Task brief:
Which lines in the records below contain the word "IFCRELASSOCIATESMATERIAL"? Copy each one.

Saved data entries
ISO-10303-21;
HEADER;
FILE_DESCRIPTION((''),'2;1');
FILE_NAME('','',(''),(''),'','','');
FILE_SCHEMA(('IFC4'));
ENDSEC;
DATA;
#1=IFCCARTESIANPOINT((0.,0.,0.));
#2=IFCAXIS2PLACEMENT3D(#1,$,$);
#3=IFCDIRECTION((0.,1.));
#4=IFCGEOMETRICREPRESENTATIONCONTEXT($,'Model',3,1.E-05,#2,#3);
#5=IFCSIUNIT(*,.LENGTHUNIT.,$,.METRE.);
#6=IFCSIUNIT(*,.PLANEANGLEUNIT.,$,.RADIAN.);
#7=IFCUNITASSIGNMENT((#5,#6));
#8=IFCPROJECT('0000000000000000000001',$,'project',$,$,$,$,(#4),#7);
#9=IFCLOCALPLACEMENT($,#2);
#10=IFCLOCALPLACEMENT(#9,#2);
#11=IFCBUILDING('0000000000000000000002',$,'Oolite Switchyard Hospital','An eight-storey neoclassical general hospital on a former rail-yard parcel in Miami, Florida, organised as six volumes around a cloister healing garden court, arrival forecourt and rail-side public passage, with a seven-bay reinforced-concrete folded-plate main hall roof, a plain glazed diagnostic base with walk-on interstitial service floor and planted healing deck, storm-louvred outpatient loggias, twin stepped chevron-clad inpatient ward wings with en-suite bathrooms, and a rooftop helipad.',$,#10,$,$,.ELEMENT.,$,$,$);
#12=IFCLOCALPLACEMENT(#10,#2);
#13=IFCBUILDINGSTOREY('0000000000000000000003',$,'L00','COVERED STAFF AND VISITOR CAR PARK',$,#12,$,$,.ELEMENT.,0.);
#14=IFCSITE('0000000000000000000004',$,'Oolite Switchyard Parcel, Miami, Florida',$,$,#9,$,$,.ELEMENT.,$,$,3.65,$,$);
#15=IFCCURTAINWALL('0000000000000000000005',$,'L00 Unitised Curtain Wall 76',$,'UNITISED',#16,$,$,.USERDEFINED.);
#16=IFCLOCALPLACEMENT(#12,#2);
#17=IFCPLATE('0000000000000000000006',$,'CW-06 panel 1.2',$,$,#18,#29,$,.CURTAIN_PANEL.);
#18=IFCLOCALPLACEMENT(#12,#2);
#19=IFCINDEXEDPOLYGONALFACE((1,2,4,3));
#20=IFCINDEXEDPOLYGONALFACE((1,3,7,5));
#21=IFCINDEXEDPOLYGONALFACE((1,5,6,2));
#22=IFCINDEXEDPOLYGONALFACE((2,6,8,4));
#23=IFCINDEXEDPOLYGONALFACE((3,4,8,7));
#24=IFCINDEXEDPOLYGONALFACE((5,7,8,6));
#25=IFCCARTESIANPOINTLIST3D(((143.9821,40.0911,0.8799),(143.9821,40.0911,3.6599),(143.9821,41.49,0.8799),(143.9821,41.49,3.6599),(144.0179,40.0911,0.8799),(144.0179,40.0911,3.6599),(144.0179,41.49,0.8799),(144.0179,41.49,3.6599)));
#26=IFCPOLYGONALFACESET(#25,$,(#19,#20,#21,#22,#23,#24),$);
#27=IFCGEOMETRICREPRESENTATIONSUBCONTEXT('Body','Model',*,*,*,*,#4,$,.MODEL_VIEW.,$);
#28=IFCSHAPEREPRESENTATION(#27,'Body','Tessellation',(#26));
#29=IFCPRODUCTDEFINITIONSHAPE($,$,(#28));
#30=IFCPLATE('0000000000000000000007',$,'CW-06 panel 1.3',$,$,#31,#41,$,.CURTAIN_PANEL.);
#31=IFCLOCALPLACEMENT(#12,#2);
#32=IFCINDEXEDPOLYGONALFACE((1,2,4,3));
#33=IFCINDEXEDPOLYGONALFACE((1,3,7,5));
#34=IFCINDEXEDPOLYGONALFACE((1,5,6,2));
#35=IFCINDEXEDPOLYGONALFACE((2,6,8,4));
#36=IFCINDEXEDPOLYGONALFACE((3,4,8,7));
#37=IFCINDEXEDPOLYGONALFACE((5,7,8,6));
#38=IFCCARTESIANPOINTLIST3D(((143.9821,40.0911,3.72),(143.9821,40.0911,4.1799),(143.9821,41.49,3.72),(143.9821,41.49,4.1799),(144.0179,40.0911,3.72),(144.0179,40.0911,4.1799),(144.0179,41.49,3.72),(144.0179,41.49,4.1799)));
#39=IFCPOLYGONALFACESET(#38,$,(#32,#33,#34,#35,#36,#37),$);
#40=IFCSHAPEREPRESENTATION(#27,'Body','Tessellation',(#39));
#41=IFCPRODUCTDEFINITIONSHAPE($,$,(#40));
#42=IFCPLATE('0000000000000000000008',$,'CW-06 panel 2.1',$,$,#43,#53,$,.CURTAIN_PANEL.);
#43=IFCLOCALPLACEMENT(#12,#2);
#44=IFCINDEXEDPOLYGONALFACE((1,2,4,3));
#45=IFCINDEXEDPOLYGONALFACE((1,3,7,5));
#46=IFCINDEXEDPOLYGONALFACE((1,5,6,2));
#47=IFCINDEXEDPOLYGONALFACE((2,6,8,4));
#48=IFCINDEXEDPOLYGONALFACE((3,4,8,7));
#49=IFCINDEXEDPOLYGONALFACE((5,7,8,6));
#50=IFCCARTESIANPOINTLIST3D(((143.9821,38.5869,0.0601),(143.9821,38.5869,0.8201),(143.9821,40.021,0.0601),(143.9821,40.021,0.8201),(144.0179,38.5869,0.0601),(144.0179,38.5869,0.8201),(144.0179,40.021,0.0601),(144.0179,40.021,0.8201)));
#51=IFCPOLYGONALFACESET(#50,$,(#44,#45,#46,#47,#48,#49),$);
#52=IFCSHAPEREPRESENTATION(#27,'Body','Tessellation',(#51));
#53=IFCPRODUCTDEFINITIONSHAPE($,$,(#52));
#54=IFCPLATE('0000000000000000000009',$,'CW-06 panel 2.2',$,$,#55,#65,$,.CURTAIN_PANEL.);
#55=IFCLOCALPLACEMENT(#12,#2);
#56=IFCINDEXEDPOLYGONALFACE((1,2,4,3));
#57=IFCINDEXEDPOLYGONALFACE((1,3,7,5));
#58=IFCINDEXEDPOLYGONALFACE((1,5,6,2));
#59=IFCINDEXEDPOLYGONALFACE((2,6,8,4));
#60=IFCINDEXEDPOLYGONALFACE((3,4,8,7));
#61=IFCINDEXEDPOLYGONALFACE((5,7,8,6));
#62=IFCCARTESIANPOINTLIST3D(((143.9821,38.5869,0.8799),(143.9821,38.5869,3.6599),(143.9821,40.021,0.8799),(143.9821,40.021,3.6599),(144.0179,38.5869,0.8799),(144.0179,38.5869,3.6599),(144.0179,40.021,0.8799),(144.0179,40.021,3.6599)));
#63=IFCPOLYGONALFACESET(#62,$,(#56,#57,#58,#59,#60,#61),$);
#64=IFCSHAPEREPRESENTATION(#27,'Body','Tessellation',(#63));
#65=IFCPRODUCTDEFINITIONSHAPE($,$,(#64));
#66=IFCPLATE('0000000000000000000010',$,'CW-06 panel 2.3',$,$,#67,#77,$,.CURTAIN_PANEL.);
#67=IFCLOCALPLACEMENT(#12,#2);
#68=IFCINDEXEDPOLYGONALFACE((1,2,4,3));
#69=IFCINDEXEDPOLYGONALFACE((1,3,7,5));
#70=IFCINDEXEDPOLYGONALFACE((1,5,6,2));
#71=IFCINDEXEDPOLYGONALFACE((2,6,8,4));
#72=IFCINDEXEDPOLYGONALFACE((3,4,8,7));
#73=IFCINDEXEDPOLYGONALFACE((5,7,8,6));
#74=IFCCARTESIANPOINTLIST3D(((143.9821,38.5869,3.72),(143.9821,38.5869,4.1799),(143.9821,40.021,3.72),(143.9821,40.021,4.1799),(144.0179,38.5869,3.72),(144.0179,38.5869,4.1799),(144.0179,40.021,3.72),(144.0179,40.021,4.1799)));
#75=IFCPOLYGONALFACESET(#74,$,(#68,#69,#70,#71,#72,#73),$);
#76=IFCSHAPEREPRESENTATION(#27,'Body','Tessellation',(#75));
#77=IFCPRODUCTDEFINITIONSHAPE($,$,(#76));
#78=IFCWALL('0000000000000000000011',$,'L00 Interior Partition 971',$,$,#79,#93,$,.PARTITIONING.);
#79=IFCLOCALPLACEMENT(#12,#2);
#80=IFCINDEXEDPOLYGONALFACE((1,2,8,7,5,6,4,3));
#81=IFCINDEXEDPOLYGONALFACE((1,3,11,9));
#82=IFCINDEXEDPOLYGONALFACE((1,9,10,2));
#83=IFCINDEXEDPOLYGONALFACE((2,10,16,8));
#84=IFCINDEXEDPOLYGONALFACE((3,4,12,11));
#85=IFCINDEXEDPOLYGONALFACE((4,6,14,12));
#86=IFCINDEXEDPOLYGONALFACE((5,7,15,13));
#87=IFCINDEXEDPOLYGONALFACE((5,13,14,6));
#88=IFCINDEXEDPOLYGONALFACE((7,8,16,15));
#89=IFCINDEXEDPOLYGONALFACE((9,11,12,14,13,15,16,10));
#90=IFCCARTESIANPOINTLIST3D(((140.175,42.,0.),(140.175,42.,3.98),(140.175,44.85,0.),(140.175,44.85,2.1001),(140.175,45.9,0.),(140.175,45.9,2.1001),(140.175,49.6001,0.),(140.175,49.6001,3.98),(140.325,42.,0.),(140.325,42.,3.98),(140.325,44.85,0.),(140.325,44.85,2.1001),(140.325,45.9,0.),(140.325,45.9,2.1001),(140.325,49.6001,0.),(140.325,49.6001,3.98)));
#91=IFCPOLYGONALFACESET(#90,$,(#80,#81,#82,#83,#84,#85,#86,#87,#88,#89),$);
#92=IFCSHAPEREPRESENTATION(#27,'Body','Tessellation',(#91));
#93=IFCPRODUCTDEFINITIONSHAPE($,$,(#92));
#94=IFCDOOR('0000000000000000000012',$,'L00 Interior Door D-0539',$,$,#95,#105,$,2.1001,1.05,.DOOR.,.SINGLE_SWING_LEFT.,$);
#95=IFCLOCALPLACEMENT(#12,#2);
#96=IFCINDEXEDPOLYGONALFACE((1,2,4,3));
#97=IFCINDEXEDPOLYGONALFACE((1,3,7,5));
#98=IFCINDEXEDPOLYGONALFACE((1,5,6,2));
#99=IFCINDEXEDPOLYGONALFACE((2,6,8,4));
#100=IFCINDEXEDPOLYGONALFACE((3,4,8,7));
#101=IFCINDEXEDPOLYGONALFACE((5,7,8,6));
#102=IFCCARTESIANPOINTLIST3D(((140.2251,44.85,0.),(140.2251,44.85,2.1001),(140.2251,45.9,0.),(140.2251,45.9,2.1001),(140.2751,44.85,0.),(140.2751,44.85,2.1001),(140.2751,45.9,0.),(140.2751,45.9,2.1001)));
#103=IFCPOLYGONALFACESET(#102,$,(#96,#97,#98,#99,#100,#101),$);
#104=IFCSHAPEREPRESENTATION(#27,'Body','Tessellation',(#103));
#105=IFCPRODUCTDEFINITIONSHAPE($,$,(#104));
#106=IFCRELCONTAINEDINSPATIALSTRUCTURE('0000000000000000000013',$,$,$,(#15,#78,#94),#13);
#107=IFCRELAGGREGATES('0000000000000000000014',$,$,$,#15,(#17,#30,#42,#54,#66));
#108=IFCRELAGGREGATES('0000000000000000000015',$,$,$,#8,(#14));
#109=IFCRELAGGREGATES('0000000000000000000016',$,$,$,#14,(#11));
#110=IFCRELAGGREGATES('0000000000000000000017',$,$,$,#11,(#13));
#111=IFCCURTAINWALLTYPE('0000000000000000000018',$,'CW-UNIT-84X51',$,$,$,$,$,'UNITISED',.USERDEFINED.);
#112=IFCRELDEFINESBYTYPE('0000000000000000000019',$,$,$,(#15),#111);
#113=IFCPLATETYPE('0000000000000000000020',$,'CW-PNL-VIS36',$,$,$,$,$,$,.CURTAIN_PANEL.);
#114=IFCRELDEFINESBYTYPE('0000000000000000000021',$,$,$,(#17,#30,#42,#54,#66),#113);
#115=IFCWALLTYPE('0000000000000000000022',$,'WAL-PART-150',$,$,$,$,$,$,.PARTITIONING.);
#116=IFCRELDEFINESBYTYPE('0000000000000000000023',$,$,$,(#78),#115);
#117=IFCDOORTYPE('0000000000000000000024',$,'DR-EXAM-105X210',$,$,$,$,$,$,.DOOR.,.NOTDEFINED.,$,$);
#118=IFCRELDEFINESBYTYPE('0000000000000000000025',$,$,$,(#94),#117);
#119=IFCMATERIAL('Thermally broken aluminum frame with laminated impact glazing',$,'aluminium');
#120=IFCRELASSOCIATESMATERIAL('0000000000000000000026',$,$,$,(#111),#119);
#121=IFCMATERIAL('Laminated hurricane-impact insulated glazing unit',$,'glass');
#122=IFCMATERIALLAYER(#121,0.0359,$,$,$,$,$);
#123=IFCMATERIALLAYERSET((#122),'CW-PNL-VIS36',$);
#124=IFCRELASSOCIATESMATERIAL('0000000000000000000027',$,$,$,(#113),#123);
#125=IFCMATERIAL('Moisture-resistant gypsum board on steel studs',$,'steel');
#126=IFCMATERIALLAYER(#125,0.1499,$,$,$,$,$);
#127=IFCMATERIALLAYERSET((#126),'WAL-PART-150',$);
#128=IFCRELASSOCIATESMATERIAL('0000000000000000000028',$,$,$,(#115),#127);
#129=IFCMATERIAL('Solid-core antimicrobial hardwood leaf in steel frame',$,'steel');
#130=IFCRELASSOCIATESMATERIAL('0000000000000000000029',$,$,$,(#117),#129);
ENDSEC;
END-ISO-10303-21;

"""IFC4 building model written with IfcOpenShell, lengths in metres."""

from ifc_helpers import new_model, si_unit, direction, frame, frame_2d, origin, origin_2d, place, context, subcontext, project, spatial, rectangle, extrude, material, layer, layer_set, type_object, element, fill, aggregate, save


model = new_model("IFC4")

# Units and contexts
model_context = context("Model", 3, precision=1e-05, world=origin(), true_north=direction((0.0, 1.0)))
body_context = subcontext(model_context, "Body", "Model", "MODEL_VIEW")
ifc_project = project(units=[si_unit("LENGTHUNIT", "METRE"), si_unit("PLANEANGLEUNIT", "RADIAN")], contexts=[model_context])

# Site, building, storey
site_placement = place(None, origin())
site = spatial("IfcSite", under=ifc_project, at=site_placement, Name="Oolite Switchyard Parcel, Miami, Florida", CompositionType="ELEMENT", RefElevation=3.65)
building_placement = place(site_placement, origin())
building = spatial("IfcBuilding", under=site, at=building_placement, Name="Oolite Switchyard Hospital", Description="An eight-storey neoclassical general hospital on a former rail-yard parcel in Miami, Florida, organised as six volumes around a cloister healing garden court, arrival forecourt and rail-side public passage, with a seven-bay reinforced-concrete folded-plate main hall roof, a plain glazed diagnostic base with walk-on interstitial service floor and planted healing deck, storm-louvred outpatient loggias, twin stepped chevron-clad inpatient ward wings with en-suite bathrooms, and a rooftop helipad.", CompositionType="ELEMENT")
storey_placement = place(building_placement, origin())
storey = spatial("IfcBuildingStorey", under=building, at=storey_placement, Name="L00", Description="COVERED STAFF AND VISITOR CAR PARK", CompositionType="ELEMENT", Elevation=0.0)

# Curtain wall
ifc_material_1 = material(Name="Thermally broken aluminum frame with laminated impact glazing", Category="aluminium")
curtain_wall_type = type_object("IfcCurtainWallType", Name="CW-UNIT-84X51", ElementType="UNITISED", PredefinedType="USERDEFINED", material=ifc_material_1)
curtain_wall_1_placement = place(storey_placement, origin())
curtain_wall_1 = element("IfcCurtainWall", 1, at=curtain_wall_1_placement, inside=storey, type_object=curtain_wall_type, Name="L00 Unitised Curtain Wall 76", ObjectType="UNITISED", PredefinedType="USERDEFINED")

Output for this task:
#120=IFCRELASSOCIATESMATERIAL('0000000000000000000026',$,$,$,(#111),#119);
#124=IFCRELASSOCIATESMATERIAL('0000000000000000000027',$,$,$,(#113),#123);
#128=IFCRELASSOCIATESMATERIAL('0000000000000000000028',$,$,$,(#115),#127);
#130=IFCRELASSOCIATESMATERIAL('0000000000000000000029',$,$,$,(#117),#129);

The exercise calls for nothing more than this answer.